** Opening Data in this exercise block **

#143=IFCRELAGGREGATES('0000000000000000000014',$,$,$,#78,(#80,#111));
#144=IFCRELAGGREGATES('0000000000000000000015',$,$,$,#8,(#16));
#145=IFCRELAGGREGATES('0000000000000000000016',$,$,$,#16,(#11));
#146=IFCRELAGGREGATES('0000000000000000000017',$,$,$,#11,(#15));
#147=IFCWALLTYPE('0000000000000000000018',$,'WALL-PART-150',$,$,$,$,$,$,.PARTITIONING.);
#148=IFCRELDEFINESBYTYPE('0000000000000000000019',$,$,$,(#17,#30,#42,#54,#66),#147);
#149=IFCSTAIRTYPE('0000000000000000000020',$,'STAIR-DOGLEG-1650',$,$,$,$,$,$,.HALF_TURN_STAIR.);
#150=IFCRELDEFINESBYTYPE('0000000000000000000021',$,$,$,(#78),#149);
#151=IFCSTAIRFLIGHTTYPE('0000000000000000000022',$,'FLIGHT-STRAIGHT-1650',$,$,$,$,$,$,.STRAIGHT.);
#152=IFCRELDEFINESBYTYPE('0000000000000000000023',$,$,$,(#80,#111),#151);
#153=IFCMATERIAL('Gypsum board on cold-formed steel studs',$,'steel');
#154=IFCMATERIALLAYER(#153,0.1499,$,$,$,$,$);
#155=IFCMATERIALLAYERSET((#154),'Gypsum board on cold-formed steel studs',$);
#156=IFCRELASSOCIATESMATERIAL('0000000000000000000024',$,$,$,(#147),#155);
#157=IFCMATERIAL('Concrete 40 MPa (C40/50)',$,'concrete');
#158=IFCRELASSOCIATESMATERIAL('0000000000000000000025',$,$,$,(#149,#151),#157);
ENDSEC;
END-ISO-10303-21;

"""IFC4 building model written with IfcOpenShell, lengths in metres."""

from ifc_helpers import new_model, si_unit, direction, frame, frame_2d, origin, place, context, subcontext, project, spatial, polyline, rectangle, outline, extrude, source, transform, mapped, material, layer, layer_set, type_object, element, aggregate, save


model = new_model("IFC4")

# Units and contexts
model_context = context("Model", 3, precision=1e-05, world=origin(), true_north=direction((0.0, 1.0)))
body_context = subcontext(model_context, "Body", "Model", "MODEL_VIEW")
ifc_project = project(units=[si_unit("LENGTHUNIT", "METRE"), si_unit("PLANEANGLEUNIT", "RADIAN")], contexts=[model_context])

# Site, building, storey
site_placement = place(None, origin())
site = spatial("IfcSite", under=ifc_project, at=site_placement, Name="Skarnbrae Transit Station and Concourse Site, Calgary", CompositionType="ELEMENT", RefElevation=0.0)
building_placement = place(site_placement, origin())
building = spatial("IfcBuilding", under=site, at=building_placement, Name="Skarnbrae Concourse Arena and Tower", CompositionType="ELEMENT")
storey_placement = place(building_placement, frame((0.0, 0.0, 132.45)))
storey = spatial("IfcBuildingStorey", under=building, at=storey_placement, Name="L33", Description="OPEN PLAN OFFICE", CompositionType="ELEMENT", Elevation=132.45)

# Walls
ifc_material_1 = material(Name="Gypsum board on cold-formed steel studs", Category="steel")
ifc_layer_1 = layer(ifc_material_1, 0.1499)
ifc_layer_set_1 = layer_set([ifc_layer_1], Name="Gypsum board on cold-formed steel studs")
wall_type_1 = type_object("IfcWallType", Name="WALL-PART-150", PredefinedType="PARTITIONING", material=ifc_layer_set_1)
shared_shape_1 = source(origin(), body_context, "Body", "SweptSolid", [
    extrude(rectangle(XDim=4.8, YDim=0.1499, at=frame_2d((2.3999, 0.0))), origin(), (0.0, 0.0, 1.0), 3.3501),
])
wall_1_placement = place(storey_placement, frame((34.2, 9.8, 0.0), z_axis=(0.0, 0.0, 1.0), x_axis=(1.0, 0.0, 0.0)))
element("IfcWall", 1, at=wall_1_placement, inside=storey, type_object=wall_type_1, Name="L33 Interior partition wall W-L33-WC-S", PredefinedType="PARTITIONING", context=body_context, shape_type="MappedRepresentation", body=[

** Closing Data in this exercise block **

▶ [Work required]: Please return each line of the listing above that contains "Concourse".

▶ [Task solution]:
site = spatial("IfcSite", under=ifc_project, at=site_placement, Name="Skarnbrae Transit Station and Concourse Site, Calgary", CompositionType="ELEMENT", RefElevation=0.0)
building = spatial("IfcBuilding", under=site, at=building_placement, Name="Skarnbrae Concourse Arena and Tower", CompositionType="ELEMENT")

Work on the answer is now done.